Supplied data:
■ ■ ■ ■

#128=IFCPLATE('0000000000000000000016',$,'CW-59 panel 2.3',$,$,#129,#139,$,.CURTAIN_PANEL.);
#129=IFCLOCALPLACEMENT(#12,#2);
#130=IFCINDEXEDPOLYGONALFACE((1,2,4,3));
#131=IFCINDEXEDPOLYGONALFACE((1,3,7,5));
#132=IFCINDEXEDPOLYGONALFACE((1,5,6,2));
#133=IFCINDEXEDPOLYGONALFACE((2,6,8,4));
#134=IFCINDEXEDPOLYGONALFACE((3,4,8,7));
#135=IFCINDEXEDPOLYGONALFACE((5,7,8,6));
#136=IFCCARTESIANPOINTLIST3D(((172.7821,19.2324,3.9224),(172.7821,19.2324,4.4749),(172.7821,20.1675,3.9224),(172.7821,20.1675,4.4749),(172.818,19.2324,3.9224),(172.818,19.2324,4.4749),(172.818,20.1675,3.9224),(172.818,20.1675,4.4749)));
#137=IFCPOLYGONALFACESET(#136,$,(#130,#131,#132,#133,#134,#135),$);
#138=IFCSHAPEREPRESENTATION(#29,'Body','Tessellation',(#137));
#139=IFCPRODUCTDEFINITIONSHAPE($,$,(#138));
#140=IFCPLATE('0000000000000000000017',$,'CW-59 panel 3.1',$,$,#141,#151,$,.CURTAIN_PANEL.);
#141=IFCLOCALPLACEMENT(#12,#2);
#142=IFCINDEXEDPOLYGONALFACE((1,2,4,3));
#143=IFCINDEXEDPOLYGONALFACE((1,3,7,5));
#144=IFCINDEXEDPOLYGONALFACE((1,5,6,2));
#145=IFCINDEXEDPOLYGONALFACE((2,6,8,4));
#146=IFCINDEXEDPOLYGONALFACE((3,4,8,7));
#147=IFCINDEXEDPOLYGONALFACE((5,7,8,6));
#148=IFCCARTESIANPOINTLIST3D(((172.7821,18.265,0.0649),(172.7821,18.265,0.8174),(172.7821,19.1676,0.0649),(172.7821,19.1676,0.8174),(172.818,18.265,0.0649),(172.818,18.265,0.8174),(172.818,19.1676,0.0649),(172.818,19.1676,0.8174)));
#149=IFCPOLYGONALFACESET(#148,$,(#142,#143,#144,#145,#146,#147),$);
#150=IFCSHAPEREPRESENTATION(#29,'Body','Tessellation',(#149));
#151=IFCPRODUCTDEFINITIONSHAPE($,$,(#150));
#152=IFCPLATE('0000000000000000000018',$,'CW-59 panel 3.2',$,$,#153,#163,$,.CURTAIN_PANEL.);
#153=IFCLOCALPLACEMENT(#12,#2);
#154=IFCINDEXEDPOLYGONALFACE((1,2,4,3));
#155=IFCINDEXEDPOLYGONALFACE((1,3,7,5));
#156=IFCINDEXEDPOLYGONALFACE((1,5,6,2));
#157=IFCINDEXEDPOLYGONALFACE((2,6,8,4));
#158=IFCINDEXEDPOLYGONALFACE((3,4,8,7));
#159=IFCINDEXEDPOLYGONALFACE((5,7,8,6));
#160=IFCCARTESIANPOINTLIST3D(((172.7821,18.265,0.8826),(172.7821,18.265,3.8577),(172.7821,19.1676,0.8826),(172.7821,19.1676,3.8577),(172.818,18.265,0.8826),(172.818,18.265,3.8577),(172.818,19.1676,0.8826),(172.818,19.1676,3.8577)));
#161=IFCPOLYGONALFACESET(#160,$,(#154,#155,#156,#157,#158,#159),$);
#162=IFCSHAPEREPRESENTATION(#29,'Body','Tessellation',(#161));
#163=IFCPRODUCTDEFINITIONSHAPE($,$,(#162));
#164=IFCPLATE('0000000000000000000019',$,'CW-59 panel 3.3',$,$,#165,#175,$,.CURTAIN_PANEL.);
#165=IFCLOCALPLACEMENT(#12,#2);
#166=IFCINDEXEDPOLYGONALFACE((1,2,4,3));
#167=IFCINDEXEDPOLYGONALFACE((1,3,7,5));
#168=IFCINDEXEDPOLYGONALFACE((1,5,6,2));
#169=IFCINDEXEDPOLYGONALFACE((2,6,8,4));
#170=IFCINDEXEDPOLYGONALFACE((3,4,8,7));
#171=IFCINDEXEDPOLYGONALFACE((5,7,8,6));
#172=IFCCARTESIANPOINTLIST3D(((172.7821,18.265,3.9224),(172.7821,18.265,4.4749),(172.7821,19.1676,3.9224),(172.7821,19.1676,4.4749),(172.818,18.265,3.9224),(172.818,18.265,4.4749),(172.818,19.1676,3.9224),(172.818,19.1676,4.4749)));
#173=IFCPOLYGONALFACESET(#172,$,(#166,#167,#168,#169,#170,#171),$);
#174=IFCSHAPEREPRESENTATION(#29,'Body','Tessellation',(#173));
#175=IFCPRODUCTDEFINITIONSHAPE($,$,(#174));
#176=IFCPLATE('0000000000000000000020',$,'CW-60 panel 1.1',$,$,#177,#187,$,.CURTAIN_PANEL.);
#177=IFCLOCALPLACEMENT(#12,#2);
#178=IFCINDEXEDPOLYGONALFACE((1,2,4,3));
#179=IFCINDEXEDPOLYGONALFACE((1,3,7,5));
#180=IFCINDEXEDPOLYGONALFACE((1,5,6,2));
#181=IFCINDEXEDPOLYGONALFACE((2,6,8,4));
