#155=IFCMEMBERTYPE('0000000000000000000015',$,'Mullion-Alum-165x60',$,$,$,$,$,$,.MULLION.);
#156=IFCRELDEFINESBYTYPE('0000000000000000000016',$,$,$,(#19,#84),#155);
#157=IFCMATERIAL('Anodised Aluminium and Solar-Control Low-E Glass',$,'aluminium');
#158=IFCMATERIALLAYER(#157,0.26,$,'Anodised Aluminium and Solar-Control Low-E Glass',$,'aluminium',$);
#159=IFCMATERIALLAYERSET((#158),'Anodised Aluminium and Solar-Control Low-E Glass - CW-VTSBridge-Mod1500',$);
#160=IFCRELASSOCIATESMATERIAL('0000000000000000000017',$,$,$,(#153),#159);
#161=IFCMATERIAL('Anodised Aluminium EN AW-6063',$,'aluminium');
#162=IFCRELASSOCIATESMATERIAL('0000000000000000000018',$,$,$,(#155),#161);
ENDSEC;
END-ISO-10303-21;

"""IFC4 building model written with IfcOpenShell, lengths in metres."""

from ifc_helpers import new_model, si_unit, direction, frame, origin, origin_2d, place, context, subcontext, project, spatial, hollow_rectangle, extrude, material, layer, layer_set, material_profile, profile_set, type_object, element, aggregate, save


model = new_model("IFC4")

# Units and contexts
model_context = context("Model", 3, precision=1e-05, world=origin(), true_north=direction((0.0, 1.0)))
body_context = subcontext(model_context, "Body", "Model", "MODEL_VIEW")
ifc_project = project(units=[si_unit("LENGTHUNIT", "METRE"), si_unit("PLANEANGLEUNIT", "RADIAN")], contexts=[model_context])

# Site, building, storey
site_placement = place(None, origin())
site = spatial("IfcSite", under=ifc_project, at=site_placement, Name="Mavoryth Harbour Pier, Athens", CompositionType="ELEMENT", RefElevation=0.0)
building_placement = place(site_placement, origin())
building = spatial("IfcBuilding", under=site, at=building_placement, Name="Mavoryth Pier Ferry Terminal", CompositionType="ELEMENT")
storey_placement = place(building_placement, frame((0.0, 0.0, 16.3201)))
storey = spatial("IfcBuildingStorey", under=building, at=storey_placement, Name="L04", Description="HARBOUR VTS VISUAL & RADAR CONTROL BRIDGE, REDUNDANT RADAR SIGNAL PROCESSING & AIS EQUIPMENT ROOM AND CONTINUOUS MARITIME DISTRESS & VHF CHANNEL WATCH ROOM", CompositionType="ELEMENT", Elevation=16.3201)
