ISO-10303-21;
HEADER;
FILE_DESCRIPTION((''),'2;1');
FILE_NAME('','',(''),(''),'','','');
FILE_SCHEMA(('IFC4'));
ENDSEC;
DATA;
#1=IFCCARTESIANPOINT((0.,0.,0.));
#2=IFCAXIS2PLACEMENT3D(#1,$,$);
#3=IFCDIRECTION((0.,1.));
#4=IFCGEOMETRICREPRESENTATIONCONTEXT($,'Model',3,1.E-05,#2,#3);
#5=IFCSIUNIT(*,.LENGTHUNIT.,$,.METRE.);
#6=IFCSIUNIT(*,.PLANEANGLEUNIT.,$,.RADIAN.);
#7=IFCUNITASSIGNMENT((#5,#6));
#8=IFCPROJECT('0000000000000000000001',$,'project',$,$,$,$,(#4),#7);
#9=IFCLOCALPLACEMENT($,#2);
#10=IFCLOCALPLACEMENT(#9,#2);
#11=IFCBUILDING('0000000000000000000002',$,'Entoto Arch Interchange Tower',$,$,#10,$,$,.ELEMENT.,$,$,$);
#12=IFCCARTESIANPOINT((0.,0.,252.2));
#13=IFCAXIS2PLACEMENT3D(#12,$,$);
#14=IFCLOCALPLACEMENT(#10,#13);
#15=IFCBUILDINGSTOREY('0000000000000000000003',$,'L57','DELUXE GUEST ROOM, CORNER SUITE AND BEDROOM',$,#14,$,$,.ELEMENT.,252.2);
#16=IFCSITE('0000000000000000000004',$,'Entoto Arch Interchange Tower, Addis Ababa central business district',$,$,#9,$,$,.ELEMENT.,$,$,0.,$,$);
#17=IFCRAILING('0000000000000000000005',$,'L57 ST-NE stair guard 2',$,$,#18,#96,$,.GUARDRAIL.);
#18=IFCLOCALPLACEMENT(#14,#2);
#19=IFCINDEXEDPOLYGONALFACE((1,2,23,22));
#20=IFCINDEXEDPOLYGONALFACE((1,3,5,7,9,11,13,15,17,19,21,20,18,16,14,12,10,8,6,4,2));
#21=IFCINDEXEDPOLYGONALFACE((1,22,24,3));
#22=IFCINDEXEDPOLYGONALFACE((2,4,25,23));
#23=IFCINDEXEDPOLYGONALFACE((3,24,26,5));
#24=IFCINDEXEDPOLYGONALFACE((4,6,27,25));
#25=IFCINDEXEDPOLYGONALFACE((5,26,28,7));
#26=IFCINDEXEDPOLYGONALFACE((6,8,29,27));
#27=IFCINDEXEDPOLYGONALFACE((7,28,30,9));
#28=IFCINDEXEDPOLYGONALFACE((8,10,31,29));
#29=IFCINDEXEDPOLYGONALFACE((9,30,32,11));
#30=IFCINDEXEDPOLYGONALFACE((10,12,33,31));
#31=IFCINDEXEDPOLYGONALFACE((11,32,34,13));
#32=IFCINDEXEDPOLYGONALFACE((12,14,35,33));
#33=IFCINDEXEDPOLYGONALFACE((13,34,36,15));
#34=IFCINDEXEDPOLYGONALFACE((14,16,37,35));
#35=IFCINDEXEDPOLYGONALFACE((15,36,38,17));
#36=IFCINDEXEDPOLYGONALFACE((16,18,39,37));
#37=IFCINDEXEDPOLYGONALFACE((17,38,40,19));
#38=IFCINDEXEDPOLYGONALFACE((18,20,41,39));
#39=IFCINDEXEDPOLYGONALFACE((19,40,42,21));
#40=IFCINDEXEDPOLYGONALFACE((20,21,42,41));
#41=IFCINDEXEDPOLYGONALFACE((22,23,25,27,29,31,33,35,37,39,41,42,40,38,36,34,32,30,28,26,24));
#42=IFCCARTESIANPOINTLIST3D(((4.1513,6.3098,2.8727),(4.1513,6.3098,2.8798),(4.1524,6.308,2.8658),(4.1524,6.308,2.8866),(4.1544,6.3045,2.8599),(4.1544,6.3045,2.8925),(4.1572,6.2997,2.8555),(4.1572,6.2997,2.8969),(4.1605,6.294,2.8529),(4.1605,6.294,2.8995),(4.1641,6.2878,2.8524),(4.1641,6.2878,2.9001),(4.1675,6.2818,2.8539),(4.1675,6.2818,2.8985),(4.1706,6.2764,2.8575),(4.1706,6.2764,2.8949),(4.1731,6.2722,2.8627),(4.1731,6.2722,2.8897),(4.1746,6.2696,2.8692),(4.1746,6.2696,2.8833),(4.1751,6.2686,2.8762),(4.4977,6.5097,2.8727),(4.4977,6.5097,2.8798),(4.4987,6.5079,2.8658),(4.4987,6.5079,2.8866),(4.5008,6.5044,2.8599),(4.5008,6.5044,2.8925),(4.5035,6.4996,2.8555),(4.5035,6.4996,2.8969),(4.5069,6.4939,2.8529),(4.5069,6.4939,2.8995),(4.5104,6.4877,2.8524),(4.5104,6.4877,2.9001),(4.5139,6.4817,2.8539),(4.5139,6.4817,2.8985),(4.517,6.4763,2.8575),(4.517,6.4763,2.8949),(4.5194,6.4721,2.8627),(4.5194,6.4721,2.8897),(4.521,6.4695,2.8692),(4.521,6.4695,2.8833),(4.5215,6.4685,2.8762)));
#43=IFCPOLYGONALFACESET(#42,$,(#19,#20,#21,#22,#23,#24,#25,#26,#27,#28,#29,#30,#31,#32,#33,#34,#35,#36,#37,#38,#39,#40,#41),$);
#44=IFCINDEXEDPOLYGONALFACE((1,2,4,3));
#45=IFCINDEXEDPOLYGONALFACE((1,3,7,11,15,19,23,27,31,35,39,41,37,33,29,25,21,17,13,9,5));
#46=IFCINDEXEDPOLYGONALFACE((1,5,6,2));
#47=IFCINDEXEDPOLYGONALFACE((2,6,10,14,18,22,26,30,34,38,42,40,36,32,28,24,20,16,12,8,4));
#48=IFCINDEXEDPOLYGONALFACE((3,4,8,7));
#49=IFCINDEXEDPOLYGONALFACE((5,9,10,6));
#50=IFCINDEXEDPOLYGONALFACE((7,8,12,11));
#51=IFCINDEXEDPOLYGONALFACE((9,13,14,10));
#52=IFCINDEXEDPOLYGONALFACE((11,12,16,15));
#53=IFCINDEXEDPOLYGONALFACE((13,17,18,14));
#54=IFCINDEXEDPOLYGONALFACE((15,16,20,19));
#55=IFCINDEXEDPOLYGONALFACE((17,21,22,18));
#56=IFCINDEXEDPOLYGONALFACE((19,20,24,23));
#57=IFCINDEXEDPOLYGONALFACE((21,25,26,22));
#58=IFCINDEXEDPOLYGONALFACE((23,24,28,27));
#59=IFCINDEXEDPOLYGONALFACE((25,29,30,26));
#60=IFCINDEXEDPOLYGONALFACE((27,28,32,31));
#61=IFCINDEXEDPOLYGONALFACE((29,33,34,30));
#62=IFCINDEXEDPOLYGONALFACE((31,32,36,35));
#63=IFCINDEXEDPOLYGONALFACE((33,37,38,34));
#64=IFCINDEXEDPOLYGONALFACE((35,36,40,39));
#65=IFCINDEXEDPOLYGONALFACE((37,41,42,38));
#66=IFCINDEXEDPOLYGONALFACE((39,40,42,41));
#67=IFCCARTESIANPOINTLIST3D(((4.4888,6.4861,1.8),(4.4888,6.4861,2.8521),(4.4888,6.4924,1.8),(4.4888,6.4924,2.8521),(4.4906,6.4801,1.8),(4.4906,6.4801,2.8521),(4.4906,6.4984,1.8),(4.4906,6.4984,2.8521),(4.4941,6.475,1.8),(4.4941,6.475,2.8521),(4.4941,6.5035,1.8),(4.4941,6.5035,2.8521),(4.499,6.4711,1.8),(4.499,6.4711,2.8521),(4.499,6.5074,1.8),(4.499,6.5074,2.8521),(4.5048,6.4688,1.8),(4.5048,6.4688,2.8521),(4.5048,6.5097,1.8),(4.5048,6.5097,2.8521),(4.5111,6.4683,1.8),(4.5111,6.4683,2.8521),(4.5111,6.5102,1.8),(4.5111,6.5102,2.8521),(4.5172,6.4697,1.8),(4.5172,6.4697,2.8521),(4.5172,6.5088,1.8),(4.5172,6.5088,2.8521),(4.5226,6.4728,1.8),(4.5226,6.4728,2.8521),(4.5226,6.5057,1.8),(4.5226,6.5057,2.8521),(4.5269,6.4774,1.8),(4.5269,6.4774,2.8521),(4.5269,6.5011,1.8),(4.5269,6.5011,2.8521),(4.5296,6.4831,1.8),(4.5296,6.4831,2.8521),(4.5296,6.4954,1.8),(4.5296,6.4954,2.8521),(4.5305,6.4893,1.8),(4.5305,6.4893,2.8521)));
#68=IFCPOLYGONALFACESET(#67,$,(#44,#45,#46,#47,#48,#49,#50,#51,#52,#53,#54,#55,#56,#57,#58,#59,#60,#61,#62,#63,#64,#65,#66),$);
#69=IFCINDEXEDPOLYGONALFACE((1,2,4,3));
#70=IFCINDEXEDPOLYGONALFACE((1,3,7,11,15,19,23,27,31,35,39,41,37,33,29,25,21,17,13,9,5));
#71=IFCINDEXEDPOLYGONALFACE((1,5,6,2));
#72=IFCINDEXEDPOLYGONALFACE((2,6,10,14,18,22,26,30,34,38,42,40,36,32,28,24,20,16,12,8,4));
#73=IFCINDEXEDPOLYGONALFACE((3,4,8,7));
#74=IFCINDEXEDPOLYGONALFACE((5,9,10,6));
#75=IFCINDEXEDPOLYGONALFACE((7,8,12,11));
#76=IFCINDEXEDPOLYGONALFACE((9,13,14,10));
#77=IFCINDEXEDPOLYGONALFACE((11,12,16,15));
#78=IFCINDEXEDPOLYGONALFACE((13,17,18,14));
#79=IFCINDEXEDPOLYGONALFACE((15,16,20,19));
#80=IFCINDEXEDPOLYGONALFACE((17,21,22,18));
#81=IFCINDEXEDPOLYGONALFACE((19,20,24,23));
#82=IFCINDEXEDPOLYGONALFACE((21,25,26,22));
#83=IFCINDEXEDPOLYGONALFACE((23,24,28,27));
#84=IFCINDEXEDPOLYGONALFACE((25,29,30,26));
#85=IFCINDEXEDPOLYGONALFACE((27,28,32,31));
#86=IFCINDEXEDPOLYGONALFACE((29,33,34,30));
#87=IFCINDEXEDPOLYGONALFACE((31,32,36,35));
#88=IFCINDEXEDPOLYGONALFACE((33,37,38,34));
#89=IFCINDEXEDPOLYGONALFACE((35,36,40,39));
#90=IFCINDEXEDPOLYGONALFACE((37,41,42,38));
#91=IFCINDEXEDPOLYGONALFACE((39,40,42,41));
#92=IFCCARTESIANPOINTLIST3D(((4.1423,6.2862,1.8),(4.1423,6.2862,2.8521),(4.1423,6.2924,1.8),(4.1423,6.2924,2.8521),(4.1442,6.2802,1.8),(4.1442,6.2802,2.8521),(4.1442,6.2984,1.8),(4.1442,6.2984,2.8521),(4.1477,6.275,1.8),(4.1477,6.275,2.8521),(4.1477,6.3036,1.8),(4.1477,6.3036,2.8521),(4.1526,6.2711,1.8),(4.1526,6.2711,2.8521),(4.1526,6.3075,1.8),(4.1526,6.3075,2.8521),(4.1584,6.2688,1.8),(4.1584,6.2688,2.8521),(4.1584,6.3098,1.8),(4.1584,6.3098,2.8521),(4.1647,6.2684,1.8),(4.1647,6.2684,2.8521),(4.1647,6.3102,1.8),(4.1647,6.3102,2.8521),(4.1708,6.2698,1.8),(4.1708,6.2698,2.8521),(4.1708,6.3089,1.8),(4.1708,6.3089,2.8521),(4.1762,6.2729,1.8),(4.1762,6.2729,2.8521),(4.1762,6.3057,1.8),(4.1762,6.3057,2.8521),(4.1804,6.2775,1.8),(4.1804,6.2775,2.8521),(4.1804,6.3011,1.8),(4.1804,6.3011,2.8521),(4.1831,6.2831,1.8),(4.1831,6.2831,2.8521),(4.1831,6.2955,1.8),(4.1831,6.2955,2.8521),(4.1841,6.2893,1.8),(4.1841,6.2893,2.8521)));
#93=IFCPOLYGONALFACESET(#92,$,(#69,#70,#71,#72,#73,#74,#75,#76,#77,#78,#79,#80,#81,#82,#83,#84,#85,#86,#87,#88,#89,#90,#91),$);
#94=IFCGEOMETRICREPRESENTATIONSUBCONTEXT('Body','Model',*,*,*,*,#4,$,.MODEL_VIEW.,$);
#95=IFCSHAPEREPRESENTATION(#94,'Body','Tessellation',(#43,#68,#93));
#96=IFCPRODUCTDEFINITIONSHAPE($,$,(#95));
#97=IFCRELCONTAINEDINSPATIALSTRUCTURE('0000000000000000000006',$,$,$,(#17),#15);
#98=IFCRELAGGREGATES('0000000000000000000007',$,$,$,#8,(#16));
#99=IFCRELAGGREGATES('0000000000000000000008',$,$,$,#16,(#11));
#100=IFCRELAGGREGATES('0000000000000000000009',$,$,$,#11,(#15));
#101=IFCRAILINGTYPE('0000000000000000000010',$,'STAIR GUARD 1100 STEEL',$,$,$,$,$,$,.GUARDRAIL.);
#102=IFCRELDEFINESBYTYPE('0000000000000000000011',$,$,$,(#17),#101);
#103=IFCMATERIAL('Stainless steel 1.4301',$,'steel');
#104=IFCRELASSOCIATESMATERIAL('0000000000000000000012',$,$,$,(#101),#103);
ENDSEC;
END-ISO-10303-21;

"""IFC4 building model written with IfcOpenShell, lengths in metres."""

from ifc_helpers import new_model, si_unit, direction, frame, origin, origin_2d, place, context, subcontext, project, spatial, circle, extrude, material, type_object, element, save


model = new_model("IFC4")

# Units and contexts
model_context = context("Model", 3, precision=1e-05, world=origin(), true_north=direction((0.0, 1.0)))
body_context = subcontext(model_context, "Body", "Model", "MODEL_VIEW")
ifc_project = project(units=[si_unit("LENGTHUNIT", "METRE"), si_unit("PLANEANGLEUNIT", "RADIAN")], contexts=[model_context])

# Site, building, storey
site_placement = place(None, origin())
site = spatial("IfcSite", under=ifc_project, at=site_placement, Name="Entoto Arch Interchange Tower, Addis Ababa central business district", CompositionType="ELEMENT", RefElevation=0.0)
building_placement = place(site_placement, origin())
building = spatial("IfcBuilding", under=site, at=building_placement, Name="Entoto Arch Interchange Tower", CompositionType="ELEMENT")
storey_placement = place(building_placement, frame((0.0, 0.0, 252.2)))
storey = spatial("IfcBuildingStorey", under=building, at=storey_placement, Name="L57", Description="DELUXE GUEST ROOM, CORNER SUITE AND BEDROOM", CompositionType="ELEMENT", Elevation=252.2)

# Railing
ifc_material_1 = material(Name="Stainless steel 1.4301", Category="steel")
railing_type_1 = type_object("IfcRailingType", Name="STAIR GUARD 1100 STEEL", PredefinedType="GUARDRAIL", material=ifc_material_1)
railing_1_placement = place(storey_placement, frame((4.5095, 6.4893, 1.8)))
element("IfcRailing", 1, at=railing_1_placement, inside=storey, type_object=railing_type_1, Name="L57 ST-NE stair guard 2", PredefinedType="GUARDRAIL", context=body_context, shape_type="SweptSolid", body=[
    extrude(circle(Radius=0.0239, at=origin_2d()), frame((0.0, 0.0, 1.0762), z_axis=(-0.866094, -0.499881, 0.0), x_axis=(0.499881, -0.866094, 0.0)), (0.0, 0.0, 1.0), 0.3999),
    extrude(circle(Radius=0.021, at=origin_2d()), origin(), (0.0, 0.0, 1.0), 1.052),
    extrude(circle(Radius=0.021, at=origin_2d()), frame((-0.3464, -0.2, 0.0)), (0.0, 0.0, 1.0), 1.052),
])

save(model, "model.ifc")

■ ■ ■ ■

Task details:
Isolate each line of the listing above that includes "Pier". Copy it.

Response below:
site = spatial("IfcSite", under=ifc_project, at=site_placement, Name="Mavoryth Harbour Pier, Athens", CompositionType="ELEMENT", RefElevation=0.0)
building = spatial("IfcBuilding", under=site, at=building_placement, Name="Mavoryth Pier Ferry Terminal", CompositionType="ELEMENT")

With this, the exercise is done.